Beginning with the line containing "Safety Guardrail 1180',$,$,$,$,$,$,.GUARDRAIL.);", give every line again exactly as it is, ending with the last line of the entries.
***
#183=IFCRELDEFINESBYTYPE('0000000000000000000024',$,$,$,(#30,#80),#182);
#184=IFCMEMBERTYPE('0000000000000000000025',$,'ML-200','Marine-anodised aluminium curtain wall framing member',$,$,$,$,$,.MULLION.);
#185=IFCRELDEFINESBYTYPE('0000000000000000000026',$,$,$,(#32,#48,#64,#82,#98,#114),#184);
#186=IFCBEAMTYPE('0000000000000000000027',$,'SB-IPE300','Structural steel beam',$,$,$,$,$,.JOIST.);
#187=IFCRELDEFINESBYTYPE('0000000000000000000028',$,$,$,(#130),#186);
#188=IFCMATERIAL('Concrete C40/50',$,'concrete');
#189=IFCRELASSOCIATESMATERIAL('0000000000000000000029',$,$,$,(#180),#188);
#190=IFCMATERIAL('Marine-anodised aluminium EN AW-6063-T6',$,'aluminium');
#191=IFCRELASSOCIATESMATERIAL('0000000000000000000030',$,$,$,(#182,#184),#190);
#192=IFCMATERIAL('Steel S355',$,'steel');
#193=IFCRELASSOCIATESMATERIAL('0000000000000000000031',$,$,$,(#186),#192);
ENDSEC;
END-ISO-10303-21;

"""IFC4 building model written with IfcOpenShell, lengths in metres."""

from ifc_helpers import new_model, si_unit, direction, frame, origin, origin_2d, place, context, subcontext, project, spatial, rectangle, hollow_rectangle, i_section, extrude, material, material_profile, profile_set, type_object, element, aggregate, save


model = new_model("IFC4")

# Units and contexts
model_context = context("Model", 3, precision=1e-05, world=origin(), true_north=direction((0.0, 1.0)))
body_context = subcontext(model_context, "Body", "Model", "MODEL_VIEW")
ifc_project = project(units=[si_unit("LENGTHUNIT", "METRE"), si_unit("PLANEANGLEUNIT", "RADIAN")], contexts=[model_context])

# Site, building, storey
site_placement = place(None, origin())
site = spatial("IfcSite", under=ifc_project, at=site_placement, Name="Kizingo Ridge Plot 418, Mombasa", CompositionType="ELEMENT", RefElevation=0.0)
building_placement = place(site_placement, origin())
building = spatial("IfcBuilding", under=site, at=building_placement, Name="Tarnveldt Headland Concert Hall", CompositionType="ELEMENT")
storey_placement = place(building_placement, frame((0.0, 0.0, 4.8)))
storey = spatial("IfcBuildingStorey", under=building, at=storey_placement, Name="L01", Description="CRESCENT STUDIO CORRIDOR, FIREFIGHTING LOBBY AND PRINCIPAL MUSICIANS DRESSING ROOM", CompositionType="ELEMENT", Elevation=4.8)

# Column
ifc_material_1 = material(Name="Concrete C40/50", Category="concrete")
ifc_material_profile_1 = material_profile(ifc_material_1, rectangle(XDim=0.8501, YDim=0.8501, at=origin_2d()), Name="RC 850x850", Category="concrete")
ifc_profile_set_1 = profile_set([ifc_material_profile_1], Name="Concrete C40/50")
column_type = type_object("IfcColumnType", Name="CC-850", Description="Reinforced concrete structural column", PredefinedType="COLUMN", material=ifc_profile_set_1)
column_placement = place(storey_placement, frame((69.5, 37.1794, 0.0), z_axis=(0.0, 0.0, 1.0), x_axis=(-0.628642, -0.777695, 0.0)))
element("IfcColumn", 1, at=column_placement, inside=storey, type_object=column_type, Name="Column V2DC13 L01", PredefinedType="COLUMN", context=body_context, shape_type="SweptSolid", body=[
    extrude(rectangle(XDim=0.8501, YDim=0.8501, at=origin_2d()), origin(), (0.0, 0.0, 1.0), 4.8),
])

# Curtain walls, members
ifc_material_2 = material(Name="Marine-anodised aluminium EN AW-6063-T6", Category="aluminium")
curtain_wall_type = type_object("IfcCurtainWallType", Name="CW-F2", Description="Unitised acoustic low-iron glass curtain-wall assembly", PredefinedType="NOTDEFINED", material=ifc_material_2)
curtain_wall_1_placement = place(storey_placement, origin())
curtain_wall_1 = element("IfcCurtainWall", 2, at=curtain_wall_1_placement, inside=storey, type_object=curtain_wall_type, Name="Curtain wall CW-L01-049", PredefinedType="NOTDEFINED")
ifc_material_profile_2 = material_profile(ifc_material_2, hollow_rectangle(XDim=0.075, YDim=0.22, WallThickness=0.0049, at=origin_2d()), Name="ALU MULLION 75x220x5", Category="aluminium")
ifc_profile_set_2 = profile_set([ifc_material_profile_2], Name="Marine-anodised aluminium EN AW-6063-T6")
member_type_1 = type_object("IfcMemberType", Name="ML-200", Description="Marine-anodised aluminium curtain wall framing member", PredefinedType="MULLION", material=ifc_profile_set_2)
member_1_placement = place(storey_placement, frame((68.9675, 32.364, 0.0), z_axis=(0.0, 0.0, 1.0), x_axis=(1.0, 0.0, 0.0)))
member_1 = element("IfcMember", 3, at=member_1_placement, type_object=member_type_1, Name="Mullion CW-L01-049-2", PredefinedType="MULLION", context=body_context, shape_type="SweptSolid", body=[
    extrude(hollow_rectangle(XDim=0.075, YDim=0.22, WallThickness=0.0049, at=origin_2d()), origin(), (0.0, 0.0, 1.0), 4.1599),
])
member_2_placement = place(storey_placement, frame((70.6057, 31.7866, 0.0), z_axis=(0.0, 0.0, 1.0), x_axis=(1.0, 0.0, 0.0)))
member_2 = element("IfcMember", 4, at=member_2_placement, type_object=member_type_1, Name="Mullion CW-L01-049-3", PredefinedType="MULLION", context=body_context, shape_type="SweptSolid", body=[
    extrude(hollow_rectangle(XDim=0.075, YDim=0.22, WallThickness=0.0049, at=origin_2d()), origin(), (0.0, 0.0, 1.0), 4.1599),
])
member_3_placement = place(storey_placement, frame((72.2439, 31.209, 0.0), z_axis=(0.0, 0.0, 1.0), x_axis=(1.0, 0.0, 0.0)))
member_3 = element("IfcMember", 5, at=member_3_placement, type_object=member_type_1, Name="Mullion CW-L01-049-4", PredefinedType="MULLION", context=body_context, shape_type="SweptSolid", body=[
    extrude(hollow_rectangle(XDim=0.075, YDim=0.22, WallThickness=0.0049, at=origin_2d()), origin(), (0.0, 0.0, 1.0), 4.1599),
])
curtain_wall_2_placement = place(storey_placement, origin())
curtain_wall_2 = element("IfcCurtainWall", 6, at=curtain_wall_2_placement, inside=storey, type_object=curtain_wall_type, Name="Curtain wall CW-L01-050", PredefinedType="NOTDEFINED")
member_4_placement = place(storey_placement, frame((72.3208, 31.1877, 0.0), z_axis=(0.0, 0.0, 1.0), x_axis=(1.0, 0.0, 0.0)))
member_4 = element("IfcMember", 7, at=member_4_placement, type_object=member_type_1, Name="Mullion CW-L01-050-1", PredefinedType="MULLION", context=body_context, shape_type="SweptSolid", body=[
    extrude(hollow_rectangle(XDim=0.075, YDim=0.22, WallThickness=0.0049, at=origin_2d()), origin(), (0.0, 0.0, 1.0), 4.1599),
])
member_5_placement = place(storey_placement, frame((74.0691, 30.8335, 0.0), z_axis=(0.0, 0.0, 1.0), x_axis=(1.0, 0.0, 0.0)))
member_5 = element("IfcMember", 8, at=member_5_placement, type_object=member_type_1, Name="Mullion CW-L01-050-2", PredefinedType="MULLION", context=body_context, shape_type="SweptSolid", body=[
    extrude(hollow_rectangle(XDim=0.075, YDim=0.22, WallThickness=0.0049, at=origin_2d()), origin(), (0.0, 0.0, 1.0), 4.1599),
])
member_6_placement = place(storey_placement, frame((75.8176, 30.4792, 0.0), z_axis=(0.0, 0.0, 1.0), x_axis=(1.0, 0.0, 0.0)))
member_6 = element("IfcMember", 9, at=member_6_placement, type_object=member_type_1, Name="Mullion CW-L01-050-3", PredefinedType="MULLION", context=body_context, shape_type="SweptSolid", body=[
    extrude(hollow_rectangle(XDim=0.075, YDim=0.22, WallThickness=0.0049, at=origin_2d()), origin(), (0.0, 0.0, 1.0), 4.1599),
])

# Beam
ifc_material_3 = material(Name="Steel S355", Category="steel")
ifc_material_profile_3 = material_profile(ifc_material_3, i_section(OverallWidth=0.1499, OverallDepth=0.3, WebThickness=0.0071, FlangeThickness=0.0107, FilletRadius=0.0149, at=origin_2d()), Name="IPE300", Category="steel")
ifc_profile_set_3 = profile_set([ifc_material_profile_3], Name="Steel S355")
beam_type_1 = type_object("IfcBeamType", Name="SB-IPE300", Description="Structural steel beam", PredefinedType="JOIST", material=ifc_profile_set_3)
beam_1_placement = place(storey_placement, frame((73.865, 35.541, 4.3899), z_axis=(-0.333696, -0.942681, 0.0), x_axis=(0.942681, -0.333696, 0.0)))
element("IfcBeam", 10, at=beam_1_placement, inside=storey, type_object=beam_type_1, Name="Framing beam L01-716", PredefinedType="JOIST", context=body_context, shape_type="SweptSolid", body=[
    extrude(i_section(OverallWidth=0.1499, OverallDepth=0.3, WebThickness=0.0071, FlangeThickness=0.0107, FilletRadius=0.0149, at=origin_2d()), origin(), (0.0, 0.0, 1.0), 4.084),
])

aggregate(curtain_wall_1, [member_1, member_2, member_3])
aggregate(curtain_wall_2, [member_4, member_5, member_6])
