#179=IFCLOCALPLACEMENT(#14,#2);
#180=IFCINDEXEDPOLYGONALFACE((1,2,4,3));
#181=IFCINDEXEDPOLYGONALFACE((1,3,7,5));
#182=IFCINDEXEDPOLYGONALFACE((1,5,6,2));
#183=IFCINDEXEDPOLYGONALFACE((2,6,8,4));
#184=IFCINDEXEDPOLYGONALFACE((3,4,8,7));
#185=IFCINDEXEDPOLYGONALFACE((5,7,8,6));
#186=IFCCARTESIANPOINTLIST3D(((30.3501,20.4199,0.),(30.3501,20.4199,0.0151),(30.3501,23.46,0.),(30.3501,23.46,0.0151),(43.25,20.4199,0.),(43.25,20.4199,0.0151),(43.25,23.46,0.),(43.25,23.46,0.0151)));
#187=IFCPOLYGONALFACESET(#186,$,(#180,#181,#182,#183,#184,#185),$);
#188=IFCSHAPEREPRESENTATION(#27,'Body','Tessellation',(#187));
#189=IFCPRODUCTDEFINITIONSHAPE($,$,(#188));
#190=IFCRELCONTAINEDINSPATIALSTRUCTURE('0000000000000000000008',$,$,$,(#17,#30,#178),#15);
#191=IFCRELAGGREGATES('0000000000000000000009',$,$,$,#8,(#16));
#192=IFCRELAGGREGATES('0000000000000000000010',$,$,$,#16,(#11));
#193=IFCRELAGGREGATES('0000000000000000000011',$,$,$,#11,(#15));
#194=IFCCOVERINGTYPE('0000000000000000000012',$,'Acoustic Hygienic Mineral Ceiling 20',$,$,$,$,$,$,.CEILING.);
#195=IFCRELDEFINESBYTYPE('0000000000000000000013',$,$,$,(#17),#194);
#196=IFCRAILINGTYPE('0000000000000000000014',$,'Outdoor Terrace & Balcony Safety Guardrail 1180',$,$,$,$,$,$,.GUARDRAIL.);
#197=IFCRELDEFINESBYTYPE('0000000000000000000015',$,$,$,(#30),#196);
***
_RESULT OF THE EXERCISE_.
#196=IFCRAILINGTYPE('0000000000000000000014',$,'Outdoor Terrace & Balcony Safety Guardrail 1180',$,$,$,$,$,$,.GUARDRAIL.);
#197=IFCRELDEFINESBYTYPE('0000000000000000000015',$,$,$,(#30),#196);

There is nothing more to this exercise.